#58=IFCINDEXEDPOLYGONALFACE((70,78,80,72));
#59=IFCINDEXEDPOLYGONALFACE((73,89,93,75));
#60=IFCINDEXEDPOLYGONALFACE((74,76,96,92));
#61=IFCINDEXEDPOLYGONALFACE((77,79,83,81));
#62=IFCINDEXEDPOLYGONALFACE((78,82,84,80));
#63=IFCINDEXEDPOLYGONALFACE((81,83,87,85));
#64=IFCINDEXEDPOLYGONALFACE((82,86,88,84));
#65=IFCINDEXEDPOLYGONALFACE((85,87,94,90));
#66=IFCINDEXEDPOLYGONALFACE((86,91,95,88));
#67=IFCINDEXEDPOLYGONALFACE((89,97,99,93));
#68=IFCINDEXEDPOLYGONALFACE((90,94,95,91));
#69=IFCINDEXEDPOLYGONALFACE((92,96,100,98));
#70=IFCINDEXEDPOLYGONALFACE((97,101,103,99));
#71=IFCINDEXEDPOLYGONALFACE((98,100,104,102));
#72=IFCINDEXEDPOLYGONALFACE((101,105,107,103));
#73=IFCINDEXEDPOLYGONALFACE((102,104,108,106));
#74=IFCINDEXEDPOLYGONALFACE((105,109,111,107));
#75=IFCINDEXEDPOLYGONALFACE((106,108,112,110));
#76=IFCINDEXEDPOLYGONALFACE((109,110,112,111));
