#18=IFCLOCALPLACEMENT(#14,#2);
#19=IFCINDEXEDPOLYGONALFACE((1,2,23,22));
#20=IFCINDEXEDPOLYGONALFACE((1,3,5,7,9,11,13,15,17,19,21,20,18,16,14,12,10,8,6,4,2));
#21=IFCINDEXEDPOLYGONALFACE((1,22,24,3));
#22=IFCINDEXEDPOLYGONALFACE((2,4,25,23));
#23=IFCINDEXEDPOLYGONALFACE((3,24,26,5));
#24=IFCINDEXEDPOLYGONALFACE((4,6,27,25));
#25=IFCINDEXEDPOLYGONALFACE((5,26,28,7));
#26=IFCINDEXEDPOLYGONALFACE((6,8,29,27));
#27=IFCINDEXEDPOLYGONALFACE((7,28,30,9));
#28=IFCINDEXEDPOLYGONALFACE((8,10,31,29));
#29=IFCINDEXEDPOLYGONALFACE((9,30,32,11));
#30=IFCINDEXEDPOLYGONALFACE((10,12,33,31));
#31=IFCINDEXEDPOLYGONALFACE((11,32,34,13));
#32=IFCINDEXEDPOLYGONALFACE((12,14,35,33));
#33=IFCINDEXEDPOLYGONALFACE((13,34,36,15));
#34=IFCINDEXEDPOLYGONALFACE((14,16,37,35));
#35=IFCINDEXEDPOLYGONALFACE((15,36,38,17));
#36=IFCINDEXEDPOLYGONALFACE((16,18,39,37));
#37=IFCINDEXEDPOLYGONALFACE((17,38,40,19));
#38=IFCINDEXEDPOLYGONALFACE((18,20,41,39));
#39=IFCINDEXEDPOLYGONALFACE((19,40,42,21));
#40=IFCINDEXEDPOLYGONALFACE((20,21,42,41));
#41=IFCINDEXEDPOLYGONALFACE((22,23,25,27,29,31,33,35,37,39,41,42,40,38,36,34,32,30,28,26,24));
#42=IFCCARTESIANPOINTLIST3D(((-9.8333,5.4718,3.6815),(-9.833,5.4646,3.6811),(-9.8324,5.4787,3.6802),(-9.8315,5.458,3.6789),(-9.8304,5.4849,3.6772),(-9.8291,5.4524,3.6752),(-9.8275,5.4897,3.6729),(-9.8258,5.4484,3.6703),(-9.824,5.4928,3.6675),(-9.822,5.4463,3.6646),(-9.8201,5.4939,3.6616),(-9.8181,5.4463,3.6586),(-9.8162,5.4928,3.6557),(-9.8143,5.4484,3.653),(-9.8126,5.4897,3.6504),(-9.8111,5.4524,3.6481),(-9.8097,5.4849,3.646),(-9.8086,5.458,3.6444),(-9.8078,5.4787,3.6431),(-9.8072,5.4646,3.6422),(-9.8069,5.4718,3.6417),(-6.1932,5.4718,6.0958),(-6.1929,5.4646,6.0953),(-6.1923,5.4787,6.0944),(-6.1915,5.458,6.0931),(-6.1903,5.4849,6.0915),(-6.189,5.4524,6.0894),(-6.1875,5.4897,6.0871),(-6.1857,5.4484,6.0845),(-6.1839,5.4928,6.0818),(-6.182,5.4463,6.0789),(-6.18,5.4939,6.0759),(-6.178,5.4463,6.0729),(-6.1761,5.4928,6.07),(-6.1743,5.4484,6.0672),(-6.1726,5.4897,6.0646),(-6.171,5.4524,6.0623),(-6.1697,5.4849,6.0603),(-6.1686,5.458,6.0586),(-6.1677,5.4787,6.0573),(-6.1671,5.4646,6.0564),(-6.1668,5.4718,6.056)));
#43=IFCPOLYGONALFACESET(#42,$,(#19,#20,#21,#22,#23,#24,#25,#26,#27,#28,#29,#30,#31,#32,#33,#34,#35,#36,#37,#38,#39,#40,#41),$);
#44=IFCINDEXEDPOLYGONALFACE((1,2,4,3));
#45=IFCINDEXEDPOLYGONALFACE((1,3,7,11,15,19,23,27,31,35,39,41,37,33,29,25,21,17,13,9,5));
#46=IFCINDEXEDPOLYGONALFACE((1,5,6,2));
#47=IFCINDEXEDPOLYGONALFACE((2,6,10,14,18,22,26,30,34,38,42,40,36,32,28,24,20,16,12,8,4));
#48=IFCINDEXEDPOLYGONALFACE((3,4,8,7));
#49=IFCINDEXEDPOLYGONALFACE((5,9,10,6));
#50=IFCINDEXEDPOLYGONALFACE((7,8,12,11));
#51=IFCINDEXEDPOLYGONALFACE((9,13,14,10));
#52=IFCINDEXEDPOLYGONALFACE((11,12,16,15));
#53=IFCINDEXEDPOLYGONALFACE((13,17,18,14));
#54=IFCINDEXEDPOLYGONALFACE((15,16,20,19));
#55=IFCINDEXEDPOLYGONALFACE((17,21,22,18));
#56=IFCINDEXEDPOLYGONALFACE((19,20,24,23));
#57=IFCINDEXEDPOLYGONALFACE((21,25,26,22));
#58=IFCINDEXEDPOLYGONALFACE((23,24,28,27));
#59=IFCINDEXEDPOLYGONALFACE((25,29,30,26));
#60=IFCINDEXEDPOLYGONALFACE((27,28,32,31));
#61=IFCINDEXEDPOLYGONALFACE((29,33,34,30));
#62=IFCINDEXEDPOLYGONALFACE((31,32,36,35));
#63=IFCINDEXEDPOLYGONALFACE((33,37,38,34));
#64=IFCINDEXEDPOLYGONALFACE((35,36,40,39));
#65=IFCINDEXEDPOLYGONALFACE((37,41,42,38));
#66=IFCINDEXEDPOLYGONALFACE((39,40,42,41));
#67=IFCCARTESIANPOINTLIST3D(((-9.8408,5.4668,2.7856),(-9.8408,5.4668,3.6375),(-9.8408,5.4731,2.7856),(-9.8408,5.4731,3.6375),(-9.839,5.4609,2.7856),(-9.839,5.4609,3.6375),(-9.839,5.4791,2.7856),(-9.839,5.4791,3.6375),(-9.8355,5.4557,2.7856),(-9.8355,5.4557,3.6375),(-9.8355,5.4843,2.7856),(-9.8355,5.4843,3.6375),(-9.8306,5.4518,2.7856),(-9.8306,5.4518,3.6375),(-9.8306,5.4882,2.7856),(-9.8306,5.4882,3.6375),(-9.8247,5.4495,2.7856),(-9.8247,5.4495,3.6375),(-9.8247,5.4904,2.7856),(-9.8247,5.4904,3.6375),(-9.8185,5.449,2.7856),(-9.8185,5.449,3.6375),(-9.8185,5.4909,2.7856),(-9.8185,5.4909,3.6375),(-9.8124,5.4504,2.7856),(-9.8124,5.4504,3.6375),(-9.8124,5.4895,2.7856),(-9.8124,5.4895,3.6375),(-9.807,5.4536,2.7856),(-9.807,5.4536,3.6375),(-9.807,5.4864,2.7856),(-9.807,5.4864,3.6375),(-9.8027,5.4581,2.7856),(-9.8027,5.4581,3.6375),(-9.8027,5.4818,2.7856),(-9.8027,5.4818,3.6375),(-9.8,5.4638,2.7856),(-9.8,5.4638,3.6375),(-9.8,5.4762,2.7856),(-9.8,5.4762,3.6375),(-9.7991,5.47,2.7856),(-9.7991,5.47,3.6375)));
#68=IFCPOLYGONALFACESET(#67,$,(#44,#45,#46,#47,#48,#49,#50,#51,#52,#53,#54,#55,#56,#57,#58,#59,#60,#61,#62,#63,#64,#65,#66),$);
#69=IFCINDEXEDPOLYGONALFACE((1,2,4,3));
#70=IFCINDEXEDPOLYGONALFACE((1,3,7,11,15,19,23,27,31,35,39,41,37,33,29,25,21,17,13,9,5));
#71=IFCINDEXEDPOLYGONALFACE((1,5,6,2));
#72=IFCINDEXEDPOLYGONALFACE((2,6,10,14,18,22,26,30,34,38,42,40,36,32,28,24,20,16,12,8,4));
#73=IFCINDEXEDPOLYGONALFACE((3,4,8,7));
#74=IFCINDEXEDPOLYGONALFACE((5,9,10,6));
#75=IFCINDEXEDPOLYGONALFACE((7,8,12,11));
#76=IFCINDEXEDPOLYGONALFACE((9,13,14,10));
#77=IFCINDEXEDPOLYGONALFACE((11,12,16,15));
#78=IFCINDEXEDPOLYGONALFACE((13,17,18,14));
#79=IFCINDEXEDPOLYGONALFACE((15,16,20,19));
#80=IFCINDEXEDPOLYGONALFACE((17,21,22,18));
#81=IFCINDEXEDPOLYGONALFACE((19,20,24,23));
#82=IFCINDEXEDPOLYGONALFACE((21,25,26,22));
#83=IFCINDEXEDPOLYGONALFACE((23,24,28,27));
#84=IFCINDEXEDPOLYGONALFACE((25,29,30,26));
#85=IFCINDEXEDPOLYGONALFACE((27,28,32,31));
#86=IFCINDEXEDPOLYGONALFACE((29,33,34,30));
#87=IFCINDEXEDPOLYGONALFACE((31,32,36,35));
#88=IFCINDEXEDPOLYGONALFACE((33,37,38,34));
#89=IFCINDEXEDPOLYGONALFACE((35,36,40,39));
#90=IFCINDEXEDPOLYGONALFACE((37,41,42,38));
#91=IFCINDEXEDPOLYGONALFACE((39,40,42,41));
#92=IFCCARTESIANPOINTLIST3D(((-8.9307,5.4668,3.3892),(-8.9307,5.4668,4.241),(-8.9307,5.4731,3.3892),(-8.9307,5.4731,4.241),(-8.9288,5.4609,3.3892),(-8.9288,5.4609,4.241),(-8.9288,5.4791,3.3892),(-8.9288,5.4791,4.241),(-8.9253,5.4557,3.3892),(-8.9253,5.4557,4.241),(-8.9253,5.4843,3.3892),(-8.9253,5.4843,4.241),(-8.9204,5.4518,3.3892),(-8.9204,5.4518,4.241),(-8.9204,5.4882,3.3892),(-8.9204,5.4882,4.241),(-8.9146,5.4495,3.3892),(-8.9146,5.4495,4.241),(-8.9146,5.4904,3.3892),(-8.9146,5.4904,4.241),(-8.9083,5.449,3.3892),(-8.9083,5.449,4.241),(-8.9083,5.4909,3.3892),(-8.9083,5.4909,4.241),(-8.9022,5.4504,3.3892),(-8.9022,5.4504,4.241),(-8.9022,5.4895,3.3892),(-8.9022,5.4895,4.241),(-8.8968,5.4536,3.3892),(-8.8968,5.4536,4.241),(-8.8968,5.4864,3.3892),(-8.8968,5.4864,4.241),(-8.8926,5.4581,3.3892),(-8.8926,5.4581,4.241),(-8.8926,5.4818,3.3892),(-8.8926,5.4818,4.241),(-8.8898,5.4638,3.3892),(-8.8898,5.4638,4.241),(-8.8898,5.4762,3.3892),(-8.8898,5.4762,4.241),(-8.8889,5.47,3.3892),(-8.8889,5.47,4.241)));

Exercise details
Go line by line through the material above and return each one that includes "IFCPOLYGONALFACESET".

Answer box
#43=IFCPOLYGONALFACESET(#42,$,(#19,#20,#21,#22,#23,#24,#25,#26,#27,#28,#29,#30,#31,#32,#33,#34,#35,#36,#37,#38,#39,#40,#41),$);
#68=IFCPOLYGONALFACESET(#67,$,(#44,#45,#46,#47,#48,#49,#50,#51,#52,#53,#54,#55,#56,#57,#58,#59,#60,#61,#62,#63,#64,#65,#66),$);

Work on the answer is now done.